#### [WORK ITEM]
Work out how many lines in the records contain the word "Mega", and give that number alone.

··· DATA FOR ANALYSIS ···

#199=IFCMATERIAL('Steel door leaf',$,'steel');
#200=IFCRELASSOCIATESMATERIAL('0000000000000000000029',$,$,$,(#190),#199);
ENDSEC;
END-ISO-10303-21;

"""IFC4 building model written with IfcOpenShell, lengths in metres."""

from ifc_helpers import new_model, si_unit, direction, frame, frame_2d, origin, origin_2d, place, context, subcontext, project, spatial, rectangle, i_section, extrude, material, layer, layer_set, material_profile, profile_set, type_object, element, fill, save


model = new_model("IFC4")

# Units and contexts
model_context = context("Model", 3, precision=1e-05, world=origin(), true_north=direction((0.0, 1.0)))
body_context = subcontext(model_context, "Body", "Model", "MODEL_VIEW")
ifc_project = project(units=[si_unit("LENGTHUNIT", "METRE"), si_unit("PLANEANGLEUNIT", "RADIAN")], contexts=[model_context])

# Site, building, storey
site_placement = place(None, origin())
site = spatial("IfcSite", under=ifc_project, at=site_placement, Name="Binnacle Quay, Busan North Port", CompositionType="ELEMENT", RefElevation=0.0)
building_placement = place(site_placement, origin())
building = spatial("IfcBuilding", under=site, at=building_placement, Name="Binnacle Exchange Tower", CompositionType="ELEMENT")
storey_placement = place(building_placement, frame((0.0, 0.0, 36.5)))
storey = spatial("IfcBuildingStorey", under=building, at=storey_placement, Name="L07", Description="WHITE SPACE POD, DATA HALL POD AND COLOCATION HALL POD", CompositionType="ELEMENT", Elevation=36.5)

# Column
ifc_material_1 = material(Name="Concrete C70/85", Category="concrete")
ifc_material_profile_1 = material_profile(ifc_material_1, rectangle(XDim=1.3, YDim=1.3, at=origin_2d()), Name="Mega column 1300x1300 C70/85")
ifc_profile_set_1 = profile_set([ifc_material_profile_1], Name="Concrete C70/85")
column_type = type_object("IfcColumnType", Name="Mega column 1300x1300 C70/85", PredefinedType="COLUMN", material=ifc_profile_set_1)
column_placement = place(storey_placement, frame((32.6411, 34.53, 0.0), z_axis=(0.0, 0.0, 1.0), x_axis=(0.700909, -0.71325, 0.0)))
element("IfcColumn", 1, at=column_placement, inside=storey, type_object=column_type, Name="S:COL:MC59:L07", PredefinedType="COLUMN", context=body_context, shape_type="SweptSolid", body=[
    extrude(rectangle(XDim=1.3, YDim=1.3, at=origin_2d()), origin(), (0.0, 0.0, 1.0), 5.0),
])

···

#### [EXERCISE SOLUTION]
2